What is expected » From the entries below, return only the lines starting at the one that contains "# Site, building, storey" and ending at the one that contains "frame((0.0, 0.0, 321.5)))", exactly as they stand.

Records contained in a dataset:

*** Begin section ***

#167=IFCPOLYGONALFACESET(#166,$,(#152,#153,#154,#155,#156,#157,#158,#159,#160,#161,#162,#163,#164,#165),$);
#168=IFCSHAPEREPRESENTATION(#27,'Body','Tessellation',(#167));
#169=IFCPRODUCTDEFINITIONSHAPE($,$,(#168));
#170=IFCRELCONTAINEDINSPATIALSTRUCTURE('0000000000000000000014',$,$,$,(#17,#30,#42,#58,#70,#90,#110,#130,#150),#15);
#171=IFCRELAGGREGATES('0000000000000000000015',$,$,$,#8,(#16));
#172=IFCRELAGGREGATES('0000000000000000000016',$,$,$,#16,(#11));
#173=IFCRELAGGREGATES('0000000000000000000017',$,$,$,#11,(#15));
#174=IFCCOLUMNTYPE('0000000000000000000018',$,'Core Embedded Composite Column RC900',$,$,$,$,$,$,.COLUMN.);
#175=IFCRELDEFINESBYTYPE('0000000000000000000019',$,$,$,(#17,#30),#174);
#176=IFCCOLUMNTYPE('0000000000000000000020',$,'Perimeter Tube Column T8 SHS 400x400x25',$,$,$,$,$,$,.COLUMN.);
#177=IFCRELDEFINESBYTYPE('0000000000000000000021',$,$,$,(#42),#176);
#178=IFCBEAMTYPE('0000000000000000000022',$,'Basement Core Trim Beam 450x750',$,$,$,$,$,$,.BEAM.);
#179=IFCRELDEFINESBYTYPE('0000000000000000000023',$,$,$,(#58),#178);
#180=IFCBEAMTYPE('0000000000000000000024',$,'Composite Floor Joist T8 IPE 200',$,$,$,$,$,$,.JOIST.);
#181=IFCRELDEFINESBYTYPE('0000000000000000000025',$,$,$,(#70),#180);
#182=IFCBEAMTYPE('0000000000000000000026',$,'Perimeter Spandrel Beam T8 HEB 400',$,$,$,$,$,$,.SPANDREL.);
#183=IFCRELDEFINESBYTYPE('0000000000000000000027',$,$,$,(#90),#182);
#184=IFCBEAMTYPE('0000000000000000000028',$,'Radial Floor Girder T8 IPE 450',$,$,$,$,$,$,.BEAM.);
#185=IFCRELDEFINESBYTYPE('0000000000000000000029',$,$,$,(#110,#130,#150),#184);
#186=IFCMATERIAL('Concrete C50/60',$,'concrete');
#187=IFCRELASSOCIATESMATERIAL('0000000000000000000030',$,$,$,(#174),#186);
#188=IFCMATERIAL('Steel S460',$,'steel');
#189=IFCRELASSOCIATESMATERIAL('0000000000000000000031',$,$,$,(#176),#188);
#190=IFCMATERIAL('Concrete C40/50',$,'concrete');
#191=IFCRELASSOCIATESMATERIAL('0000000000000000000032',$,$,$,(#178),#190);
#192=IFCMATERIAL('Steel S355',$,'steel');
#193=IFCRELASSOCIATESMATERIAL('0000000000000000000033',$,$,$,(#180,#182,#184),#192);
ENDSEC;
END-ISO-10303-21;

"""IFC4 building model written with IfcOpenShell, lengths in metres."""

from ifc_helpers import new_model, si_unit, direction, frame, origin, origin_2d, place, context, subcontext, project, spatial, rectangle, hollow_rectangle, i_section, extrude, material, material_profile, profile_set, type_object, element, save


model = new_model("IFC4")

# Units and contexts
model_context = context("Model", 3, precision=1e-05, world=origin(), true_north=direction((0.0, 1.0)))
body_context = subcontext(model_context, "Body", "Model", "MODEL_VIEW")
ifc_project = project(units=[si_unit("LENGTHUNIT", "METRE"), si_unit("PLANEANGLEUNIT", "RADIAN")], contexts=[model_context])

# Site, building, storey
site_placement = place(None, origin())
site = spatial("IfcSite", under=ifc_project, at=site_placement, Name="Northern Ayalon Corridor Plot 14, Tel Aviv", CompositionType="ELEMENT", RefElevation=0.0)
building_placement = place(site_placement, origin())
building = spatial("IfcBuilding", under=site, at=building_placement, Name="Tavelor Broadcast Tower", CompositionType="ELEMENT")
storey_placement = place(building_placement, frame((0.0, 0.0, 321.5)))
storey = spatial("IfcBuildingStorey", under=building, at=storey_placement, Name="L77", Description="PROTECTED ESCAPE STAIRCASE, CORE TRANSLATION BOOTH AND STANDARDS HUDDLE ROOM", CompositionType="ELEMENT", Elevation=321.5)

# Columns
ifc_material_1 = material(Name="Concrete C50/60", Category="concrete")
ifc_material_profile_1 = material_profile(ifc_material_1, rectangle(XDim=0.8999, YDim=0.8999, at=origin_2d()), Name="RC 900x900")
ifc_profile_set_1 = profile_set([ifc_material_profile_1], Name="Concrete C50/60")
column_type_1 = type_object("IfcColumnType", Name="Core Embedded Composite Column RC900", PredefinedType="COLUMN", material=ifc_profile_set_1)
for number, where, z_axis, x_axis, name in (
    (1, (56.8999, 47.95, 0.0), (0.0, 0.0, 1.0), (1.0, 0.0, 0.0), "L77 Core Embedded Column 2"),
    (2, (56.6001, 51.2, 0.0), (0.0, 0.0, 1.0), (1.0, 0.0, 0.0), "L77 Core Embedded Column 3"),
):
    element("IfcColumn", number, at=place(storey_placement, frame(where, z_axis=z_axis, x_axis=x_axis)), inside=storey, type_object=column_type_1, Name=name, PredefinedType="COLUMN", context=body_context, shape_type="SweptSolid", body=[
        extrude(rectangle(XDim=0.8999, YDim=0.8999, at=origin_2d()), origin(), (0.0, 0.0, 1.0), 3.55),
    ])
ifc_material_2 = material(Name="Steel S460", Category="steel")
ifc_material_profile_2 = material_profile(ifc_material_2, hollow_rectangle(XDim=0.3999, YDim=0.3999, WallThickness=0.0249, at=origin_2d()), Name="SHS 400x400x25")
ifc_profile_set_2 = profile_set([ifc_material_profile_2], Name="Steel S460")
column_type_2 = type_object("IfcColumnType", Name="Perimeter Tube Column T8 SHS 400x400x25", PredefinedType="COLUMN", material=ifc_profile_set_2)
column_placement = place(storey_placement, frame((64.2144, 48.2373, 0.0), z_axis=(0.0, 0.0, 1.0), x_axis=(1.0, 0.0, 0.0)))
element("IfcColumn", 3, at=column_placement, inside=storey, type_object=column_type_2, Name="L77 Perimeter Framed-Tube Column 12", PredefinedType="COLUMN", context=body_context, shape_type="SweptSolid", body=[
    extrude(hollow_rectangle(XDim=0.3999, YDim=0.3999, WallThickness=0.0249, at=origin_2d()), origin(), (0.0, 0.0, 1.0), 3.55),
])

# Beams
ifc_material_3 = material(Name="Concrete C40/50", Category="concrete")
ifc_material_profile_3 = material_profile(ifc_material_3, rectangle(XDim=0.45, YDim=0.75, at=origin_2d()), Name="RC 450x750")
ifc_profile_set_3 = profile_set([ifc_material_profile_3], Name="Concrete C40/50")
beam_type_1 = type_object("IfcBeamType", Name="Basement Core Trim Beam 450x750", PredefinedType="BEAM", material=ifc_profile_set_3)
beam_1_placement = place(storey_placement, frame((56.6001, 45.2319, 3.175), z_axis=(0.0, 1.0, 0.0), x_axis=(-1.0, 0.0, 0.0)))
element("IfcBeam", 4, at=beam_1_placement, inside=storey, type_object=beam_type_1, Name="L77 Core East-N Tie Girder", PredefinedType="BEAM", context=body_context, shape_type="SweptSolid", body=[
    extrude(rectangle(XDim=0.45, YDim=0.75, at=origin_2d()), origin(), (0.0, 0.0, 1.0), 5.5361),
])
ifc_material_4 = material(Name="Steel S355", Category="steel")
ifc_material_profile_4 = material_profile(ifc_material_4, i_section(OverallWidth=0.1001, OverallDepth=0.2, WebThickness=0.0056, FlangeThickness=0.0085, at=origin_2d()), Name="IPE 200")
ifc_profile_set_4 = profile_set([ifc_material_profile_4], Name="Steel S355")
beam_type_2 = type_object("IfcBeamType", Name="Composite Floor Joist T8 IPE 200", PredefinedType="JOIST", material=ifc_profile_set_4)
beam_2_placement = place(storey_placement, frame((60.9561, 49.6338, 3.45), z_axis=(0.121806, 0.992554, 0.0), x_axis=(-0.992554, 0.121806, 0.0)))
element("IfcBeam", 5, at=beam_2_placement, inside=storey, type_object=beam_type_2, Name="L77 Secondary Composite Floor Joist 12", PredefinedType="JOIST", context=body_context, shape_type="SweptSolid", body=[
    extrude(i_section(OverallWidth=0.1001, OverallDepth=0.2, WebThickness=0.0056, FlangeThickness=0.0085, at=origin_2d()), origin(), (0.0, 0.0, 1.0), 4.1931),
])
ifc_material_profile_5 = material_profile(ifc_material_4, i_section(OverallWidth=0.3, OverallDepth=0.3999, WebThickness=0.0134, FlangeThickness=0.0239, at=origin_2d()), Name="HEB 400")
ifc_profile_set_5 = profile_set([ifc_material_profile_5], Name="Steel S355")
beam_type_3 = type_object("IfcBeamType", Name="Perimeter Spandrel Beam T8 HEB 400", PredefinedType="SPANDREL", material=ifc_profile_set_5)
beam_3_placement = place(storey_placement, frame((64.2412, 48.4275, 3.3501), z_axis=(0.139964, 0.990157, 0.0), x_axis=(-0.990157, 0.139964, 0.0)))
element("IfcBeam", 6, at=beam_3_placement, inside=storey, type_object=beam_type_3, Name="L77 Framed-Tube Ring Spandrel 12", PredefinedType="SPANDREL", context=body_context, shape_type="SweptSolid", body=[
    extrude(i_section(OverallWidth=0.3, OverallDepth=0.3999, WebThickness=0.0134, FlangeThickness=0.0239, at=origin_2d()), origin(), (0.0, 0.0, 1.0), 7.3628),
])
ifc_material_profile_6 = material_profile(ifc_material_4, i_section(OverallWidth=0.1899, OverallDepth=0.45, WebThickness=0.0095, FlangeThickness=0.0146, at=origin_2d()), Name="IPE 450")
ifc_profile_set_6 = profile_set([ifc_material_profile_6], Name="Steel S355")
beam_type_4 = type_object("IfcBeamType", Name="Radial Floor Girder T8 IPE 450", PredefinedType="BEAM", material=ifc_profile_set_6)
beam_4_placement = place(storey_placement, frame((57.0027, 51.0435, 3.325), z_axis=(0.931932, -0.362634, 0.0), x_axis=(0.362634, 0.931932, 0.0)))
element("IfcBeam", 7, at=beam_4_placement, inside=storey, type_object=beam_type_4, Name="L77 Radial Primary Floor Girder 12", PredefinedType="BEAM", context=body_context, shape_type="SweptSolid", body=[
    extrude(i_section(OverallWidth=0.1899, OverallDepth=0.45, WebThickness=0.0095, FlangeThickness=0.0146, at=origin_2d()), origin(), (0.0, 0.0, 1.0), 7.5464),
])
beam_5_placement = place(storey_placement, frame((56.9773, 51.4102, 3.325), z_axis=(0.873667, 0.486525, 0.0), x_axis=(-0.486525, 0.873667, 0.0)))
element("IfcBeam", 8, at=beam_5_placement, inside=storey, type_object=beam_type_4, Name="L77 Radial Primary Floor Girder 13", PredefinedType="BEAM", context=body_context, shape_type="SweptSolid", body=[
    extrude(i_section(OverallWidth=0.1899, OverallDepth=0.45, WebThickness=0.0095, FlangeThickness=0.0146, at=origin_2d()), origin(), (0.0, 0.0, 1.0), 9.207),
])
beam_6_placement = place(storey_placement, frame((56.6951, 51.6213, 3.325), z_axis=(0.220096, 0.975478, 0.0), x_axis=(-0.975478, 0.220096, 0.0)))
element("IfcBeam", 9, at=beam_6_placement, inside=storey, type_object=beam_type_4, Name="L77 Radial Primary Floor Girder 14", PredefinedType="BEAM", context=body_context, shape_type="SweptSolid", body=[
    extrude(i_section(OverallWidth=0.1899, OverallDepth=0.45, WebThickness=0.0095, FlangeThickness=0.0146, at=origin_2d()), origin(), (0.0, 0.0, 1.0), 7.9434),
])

*** End section ***

Response area »
# Site, building, storey
site_placement = place(None, origin())
site = spatial("IfcSite", under=ifc_project, at=site_placement, Name="Northern Ayalon Corridor Plot 14, Tel Aviv", CompositionType="ELEMENT", RefElevation=0.0)
building_placement = place(site_placement, origin())
building = spatial("IfcBuilding", under=site, at=building_placement, Name="Tavelor Broadcast Tower", CompositionType="ELEMENT")
storey_placement = place(building_placement, frame((0.0, 0.0, 321.5)))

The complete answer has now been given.